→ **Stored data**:
────────────────

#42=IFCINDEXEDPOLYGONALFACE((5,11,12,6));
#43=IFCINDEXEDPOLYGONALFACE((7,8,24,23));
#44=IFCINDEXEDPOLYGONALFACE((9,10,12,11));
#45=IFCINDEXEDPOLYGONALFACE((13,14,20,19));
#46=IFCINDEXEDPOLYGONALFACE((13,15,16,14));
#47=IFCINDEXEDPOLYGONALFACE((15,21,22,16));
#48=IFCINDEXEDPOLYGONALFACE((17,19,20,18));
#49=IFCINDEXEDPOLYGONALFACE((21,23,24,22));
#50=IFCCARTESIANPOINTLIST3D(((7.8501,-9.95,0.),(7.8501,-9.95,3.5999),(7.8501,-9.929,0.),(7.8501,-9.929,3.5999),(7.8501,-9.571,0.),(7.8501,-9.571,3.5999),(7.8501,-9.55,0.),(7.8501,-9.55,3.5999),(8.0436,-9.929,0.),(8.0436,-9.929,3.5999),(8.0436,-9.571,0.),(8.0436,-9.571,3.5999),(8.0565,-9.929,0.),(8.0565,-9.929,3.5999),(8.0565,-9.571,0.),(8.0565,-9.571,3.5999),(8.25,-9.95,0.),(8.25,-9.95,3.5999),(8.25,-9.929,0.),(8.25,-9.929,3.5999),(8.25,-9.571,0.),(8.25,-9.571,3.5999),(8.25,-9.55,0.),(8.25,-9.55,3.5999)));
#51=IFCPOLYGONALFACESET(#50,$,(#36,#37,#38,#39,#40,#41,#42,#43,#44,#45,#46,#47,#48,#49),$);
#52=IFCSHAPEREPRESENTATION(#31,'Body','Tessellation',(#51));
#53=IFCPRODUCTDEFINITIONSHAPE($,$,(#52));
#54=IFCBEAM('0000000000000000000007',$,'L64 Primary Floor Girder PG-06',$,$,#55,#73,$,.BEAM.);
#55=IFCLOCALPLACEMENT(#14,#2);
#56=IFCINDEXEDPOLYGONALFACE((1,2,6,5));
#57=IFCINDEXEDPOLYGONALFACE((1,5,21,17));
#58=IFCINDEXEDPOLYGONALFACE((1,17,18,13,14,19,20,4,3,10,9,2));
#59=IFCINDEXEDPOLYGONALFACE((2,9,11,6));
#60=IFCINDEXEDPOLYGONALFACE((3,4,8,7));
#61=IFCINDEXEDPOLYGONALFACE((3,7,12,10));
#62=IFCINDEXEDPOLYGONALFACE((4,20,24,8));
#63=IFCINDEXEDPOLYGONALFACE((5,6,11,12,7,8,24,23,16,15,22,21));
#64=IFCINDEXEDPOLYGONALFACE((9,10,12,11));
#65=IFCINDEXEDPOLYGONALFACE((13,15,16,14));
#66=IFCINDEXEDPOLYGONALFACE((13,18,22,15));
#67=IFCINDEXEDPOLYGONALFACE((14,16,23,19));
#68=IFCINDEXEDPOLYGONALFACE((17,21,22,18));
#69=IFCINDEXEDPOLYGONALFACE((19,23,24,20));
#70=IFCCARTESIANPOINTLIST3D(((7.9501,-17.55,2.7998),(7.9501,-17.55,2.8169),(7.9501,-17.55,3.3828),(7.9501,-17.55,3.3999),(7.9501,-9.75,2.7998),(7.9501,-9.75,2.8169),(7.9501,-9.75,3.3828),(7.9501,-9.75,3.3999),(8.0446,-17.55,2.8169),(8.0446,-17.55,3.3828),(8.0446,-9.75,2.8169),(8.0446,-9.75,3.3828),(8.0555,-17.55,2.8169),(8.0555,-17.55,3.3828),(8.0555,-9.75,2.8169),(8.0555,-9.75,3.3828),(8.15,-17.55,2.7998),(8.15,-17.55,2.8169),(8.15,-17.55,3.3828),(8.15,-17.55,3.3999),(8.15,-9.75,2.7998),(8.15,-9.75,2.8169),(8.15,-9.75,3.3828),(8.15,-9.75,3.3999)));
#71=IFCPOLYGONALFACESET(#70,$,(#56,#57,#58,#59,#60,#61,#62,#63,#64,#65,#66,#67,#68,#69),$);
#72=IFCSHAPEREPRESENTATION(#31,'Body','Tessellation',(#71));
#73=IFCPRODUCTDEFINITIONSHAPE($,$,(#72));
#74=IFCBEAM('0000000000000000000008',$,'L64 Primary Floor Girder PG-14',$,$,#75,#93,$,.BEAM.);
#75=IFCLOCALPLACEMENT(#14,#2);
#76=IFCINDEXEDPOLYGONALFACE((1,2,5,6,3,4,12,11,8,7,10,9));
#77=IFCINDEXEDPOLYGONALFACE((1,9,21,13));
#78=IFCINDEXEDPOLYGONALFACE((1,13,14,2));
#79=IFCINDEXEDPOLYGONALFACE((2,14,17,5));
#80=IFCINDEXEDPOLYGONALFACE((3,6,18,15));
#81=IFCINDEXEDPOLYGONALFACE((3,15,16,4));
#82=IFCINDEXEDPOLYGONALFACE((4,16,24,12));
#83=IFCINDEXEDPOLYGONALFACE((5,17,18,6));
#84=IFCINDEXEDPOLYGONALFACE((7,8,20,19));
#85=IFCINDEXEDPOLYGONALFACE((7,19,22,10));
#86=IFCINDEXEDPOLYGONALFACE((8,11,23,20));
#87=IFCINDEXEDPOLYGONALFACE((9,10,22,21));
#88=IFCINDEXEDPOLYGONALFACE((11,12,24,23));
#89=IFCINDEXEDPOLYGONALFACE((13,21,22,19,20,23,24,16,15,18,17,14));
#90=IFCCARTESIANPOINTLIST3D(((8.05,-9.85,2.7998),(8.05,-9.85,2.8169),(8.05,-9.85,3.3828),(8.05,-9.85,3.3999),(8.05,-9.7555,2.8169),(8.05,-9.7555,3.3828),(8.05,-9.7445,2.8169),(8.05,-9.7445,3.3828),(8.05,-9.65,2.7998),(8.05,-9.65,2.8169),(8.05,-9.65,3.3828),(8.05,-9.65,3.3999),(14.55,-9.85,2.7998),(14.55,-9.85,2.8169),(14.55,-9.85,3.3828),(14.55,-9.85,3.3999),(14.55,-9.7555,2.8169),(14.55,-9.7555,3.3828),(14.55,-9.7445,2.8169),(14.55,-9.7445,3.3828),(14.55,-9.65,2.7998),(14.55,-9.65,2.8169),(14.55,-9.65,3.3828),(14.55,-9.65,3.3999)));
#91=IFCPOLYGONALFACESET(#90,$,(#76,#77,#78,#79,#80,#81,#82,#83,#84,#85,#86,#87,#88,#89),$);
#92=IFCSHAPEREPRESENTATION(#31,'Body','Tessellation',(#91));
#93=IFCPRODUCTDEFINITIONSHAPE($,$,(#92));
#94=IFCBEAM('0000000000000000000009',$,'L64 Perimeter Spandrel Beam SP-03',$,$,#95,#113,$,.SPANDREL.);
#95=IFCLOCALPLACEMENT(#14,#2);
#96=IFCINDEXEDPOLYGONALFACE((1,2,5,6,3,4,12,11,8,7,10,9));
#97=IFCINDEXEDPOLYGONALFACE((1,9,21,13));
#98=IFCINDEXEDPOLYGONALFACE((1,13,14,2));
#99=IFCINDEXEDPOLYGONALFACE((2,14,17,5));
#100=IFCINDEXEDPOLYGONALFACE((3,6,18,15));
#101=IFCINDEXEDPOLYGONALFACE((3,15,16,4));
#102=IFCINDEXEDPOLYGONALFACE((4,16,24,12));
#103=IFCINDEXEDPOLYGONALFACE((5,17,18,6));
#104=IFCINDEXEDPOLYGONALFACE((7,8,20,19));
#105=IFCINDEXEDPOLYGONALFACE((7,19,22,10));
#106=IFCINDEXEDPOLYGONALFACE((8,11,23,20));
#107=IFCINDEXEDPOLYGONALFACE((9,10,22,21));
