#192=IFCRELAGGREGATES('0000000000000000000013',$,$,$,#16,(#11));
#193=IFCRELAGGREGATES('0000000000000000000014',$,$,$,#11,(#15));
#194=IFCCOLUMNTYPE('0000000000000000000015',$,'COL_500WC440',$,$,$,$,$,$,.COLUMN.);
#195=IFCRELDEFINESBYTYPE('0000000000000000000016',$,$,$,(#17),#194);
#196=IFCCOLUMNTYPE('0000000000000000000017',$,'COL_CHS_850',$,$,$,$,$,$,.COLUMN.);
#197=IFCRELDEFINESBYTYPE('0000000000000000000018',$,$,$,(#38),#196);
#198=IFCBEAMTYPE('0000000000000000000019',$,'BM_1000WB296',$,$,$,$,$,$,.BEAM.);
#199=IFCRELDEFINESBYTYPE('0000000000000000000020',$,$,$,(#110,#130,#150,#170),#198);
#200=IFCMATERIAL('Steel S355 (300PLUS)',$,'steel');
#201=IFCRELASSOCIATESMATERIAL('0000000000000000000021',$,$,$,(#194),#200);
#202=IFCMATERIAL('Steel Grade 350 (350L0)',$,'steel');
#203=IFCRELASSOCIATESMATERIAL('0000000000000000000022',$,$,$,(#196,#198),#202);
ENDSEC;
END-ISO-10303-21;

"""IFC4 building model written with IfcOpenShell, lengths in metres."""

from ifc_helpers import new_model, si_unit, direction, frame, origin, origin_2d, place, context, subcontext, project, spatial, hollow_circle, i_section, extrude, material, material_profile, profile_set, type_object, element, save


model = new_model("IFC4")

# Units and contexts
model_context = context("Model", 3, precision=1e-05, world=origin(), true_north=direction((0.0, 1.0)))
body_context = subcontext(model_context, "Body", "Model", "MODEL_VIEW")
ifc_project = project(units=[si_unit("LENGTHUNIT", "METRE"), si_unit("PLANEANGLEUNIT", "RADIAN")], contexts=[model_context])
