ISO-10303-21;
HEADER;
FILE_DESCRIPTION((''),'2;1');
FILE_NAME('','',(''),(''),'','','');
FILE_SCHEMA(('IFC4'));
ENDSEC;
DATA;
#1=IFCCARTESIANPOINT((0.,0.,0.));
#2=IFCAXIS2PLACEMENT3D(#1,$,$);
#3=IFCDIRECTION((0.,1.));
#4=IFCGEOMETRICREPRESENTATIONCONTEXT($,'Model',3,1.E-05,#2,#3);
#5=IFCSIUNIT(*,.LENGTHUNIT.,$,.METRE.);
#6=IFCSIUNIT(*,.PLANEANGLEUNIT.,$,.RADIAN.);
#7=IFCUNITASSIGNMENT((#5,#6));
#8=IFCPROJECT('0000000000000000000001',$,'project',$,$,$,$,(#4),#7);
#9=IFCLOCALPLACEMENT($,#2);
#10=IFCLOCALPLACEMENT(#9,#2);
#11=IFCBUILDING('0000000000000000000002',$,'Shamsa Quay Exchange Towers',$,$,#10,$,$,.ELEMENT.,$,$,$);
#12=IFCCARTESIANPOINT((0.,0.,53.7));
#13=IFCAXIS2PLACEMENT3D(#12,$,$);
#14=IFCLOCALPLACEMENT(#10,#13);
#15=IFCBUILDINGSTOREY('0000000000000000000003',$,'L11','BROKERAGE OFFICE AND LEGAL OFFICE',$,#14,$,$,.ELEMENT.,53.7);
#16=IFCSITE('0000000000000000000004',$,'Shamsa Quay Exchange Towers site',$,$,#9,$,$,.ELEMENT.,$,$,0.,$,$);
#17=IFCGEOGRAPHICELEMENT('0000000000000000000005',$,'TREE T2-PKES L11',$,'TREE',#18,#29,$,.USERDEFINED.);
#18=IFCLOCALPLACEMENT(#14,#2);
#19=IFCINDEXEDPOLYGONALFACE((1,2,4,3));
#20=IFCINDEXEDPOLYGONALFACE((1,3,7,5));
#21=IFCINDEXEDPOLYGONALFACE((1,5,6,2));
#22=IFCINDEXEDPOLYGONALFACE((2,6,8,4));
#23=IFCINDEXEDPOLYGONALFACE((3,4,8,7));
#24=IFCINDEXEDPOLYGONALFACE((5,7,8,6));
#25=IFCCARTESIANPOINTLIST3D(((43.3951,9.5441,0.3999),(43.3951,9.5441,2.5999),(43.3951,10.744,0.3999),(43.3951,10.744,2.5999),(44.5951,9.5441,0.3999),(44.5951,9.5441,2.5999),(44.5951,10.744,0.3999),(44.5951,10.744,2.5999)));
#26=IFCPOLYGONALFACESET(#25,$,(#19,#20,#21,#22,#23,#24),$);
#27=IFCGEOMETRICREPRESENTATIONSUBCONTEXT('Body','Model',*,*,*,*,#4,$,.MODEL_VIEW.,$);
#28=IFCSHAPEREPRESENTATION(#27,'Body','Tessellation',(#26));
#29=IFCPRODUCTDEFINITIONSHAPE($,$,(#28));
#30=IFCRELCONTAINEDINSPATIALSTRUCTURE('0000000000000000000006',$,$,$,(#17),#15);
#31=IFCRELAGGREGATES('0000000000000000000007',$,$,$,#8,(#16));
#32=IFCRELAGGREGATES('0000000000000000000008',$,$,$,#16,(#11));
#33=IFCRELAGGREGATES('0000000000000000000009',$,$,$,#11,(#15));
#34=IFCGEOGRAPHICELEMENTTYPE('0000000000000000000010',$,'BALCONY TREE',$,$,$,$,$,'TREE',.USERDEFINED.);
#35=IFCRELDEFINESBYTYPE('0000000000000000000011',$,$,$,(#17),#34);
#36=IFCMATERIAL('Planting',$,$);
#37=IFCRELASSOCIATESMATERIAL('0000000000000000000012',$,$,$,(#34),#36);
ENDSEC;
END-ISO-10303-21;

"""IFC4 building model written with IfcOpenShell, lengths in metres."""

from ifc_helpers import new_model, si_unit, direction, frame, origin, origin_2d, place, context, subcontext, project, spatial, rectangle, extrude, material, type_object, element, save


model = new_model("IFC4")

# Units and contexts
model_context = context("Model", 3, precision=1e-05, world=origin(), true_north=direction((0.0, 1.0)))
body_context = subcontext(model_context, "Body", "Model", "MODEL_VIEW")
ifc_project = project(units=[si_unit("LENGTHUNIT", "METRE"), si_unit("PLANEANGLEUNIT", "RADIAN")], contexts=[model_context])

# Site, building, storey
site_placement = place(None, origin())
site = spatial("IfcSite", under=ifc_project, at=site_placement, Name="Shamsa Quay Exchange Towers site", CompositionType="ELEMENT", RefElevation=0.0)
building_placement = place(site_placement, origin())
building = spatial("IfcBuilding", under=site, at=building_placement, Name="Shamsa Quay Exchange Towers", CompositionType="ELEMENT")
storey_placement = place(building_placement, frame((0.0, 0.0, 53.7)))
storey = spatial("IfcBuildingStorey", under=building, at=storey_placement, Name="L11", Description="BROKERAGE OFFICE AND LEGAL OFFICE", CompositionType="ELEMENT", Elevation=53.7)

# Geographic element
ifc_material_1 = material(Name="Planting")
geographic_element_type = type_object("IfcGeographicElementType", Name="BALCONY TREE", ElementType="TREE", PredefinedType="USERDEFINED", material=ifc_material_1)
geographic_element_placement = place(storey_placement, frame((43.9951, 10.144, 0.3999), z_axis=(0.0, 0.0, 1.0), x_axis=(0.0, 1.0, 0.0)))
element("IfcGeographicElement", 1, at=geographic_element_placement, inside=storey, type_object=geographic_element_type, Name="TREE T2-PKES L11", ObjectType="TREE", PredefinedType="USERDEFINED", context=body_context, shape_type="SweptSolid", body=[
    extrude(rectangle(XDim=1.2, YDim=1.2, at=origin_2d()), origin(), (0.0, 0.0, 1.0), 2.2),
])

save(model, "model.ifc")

────────────────

→ **WORK ITEM**:
Reproduce the records above exactly, from the first line through the line containing "#49=IFCINDEXEDPOLYGONALFACE((21,23,24,22));", and output nothing else.

→ **EXPECTED ANSWER**:
#42=IFCINDEXEDPOLYGONALFACE((5,11,12,6));
#43=IFCINDEXEDPOLYGONALFACE((7,8,24,23));
#44=IFCINDEXEDPOLYGONALFACE((9,10,12,11));
#45=IFCINDEXEDPOLYGONALFACE((13,14,20,19));
#46=IFCINDEXEDPOLYGONALFACE((13,15,16,14));
#47=IFCINDEXEDPOLYGONALFACE((15,21,22,16));
#48=IFCINDEXEDPOLYGONALFACE((17,19,20,18));
#49=IFCINDEXEDPOLYGONALFACE((21,23,24,22));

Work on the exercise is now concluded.